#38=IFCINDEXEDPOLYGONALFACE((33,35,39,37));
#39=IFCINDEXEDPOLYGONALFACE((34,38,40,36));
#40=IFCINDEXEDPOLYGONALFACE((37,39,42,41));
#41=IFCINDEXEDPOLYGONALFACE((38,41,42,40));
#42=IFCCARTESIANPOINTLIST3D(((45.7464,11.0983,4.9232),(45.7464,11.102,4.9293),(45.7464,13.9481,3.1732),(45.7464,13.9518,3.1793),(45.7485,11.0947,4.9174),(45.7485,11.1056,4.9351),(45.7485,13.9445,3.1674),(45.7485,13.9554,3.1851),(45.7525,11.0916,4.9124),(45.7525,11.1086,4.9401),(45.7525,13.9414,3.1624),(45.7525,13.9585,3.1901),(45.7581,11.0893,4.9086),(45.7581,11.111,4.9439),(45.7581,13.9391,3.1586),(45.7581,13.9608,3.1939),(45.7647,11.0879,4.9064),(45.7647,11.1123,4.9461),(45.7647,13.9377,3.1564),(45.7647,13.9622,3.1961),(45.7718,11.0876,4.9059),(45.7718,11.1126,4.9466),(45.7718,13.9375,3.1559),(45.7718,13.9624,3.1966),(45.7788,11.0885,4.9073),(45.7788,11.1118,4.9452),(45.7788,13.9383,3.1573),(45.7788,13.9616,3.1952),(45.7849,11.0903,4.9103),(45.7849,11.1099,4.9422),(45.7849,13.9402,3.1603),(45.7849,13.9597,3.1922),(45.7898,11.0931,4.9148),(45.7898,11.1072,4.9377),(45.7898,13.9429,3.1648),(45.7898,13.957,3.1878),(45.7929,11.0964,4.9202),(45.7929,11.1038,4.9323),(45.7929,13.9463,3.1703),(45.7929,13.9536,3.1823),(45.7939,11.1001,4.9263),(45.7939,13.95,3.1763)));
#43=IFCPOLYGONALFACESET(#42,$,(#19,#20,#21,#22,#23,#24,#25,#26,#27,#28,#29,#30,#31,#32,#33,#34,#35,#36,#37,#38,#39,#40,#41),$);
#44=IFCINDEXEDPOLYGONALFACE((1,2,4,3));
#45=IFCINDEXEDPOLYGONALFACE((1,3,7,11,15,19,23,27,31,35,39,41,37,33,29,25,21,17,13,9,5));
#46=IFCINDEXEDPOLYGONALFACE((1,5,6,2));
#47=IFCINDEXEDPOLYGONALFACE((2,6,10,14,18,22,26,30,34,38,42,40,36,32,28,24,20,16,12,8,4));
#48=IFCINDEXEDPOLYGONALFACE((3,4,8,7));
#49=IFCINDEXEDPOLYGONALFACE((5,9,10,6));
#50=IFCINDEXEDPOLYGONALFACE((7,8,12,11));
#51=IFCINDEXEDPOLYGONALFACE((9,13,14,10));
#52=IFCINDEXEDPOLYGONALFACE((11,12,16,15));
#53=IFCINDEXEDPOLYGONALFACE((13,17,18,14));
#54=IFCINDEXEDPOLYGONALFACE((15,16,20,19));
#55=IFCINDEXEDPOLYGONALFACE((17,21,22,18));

**Work request**
All of the lines above must be returned exactly.

**Answer to the problem**
#38=IFCINDEXEDPOLYGONALFACE((33,35,39,37));
#39=IFCINDEXEDPOLYGONALFACE((34,38,40,36));
#40=IFCINDEXEDPOLYGONALFACE((37,39,42,41));
#41=IFCINDEXEDPOLYGONALFACE((38,41,42,40));
#42=IFCCARTESIANPOINTLIST3D(((45.7464,11.0983,4.9232),(45.7464,11.102,4.9293),(45.7464,13.9481,3.1732),(45.7464,13.9518,3.1793),(45.7485,11.0947,4.9174),(45.7485,11.1056,4.9351),(45.7485,13.9445,3.1674),(45.7485,13.9554,3.1851),(45.7525,11.0916,4.9124),(45.7525,11.1086,4.9401),(45.7525,13.9414,3.1624),(45.7525,13.9585,3.1901),(45.7581,11.0893,4.9086),(45.7581,11.111,4.9439),(45.7581,13.9391,3.1586),(45.7581,13.9608,3.1939),(45.7647,11.0879,4.9064),(45.7647,11.1123,4.9461),(45.7647,13.9377,3.1564),(45.7647,13.9622,3.1961),(45.7718,11.0876,4.9059),(45.7718,11.1126,4.9466),(45.7718,13.9375,3.1559),(45.7718,13.9624,3.1966),(45.7788,11.0885,4.9073),(45.7788,11.1118,4.9452),(45.7788,13.9383,3.1573),(45.7788,13.9616,3.1952),(45.7849,11.0903,4.9103),(45.7849,11.1099,4.9422),(45.7849,13.9402,3.1603),(45.7849,13.9597,3.1922),(45.7898,11.0931,4.9148),(45.7898,11.1072,4.9377),(45.7898,13.9429,3.1648),(45.7898,13.957,3.1878),(45.7929,11.0964,4.9202),(45.7929,11.1038,4.9323),(45.7929,13.9463,3.1703),(45.7929,13.9536,3.1823),(45.7939,11.1001,4.9263),(45.7939,13.95,3.1763)));
#43=IFCPOLYGONALFACESET(#42,$,(#19,#20,#21,#22,#23,#24,#25,#26,#27,#28,#29,#30,#31,#32,#33,#34,#35,#36,#37,#38,#39,#40,#41),$);
#44=IFCINDEXEDPOLYGONALFACE((1,2,4,3));
#45=IFCINDEXEDPOLYGONALFACE((1,3,7,11,15,19,23,27,31,35,39,41,37,33,29,25,21,17,13,9,5));
#46=IFCINDEXEDPOLYGONALFACE((1,5,6,2));
#47=IFCINDEXEDPOLYGONALFACE((2,6,10,14,18,22,26,30,34,38,42,40,36,32,28,24,20,16,12,8,4));
#48=IFCINDEXEDPOLYGONALFACE((3,4,8,7));
#49=IFCINDEXEDPOLYGONALFACE((5,9,10,6));
#50=IFCINDEXEDPOLYGONALFACE((7,8,12,11));
#51=IFCINDEXEDPOLYGONALFACE((9,13,14,10));
#52=IFCINDEXEDPOLYGONALFACE((11,12,16,15));
#53=IFCINDEXEDPOLYGONALFACE((13,17,18,14));
#54=IFCINDEXEDPOLYGONALFACE((15,16,20,19));
#55=IFCINDEXEDPOLYGONALFACE((17,21,22,18));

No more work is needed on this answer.